» Task statement
In the records below, begin at the line that has "#188=IFCINDEXEDPOLYGONALFACE((9,13,14,10));" and stop after the line that has "#189=IFCINDEXEDPOLYGONALFACE((11,12,16,15));"; quote those lines verbatim and nothing more.

** Listed entries follows **

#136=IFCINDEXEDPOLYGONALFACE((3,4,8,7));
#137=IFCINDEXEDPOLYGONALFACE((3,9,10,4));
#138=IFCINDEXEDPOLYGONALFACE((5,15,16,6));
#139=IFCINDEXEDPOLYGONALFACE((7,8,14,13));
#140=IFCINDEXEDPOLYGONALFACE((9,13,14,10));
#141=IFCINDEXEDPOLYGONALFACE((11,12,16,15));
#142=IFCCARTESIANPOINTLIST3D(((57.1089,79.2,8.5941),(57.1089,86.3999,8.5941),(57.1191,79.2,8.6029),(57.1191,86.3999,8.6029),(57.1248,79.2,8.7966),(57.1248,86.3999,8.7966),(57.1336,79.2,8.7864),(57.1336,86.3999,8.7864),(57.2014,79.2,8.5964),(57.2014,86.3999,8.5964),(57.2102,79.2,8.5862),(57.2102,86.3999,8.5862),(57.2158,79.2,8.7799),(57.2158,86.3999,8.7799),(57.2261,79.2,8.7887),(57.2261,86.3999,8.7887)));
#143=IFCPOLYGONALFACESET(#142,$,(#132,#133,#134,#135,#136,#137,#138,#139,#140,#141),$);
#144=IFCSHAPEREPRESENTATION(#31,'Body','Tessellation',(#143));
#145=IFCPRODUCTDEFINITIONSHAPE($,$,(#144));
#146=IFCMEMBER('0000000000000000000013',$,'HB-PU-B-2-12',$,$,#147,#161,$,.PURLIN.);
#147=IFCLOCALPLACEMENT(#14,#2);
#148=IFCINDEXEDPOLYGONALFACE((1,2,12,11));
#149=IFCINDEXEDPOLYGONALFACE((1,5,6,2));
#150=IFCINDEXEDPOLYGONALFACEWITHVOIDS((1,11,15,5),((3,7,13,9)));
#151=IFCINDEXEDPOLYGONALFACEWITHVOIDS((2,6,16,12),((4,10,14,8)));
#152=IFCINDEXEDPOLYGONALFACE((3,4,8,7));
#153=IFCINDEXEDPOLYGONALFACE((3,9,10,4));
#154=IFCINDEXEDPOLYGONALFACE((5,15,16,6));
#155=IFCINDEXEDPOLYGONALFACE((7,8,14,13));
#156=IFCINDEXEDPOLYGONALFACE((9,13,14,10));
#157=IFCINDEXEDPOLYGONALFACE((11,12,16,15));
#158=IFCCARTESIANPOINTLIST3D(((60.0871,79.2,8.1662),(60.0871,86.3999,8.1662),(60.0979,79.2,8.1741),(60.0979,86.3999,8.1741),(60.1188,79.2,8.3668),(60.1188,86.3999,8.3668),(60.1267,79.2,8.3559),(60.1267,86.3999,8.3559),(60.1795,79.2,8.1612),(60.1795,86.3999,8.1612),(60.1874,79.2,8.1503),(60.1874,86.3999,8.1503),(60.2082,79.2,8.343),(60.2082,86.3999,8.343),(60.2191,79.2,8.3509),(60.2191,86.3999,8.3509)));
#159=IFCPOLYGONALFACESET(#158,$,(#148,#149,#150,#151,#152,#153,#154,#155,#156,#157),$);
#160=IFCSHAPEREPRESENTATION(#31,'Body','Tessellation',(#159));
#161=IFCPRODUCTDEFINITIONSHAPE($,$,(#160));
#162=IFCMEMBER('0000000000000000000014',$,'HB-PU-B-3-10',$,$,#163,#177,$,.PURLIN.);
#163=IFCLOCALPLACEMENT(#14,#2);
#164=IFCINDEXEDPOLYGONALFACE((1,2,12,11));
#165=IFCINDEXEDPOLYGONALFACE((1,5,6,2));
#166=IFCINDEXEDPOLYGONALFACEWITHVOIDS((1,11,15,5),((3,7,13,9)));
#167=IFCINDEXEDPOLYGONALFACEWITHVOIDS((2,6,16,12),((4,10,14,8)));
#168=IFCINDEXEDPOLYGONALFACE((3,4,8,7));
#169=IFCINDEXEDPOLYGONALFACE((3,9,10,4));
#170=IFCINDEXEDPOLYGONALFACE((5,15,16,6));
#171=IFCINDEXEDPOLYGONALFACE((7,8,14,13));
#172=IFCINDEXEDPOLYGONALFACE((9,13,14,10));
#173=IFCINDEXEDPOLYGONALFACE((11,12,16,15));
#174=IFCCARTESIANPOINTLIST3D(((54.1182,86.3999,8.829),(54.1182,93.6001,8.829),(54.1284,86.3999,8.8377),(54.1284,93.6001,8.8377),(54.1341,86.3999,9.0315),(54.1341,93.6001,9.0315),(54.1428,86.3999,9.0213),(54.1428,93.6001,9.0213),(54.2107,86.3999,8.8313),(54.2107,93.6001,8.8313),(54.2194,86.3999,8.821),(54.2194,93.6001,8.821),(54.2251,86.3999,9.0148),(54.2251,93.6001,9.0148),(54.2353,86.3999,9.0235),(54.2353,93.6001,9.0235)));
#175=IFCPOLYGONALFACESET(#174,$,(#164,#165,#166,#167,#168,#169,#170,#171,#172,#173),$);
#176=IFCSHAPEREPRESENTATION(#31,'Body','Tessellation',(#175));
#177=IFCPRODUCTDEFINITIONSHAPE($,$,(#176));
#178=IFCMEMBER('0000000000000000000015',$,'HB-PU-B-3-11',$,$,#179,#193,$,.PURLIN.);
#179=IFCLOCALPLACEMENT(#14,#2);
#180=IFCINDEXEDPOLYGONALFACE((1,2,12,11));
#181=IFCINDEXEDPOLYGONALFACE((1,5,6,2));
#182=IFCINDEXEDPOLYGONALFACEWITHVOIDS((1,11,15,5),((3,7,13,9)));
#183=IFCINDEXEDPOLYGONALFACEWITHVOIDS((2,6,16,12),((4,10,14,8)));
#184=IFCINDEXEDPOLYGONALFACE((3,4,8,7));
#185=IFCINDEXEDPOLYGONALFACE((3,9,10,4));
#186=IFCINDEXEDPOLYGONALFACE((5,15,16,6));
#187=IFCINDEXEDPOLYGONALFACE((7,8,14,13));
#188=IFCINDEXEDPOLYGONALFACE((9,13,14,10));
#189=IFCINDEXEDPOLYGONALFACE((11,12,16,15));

** End of Listed entries **
** Listed entries follows **

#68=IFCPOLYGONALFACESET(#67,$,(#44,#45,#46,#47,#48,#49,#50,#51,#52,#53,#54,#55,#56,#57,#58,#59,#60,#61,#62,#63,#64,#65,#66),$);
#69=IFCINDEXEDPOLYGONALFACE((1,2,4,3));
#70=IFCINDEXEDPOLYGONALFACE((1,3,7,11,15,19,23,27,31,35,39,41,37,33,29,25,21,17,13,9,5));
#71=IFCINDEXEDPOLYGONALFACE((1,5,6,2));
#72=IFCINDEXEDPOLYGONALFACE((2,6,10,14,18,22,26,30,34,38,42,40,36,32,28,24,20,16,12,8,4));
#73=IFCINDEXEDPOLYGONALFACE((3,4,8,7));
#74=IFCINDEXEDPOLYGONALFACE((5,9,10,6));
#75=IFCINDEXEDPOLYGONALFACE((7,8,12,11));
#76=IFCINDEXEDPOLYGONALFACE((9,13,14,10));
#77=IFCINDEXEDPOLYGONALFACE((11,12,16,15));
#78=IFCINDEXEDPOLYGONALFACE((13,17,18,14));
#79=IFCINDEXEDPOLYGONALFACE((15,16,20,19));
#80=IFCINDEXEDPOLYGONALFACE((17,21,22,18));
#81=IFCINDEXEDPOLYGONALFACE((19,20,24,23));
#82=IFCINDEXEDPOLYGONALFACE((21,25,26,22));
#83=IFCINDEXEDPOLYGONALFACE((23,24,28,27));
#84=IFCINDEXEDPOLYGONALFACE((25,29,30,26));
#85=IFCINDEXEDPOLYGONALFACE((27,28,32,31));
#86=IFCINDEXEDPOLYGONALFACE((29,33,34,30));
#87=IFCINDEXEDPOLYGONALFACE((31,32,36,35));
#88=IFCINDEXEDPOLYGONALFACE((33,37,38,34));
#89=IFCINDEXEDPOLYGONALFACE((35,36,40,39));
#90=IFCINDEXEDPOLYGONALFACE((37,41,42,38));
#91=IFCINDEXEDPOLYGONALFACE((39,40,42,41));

** End of Listed entries **
** Listed entries follows **

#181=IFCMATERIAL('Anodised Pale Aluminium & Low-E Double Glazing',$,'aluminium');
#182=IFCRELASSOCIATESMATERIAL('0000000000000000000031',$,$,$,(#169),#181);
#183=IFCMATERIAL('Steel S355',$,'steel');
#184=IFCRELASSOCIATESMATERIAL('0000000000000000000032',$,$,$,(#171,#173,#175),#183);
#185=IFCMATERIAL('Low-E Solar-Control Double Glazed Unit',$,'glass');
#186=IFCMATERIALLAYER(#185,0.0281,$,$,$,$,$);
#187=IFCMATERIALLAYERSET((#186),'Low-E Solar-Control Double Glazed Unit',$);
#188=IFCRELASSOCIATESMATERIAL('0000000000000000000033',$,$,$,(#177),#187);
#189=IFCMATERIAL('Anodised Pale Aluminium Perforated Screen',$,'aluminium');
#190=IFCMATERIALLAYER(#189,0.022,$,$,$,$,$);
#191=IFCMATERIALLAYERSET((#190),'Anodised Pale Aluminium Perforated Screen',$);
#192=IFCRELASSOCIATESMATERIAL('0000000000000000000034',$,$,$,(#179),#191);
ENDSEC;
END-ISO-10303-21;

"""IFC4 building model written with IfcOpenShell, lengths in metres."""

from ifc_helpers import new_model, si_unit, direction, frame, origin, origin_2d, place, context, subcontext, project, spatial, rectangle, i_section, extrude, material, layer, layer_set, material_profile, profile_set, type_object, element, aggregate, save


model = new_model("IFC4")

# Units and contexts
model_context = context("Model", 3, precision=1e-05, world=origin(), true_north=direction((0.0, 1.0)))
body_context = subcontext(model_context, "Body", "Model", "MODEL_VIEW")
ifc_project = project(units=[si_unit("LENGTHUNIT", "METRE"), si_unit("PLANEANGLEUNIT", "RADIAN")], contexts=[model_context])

** End of Listed entries **

» Response area
#188=IFCINDEXEDPOLYGONALFACE((9,13,14,10));
#189=IFCINDEXEDPOLYGONALFACE((11,12,16,15));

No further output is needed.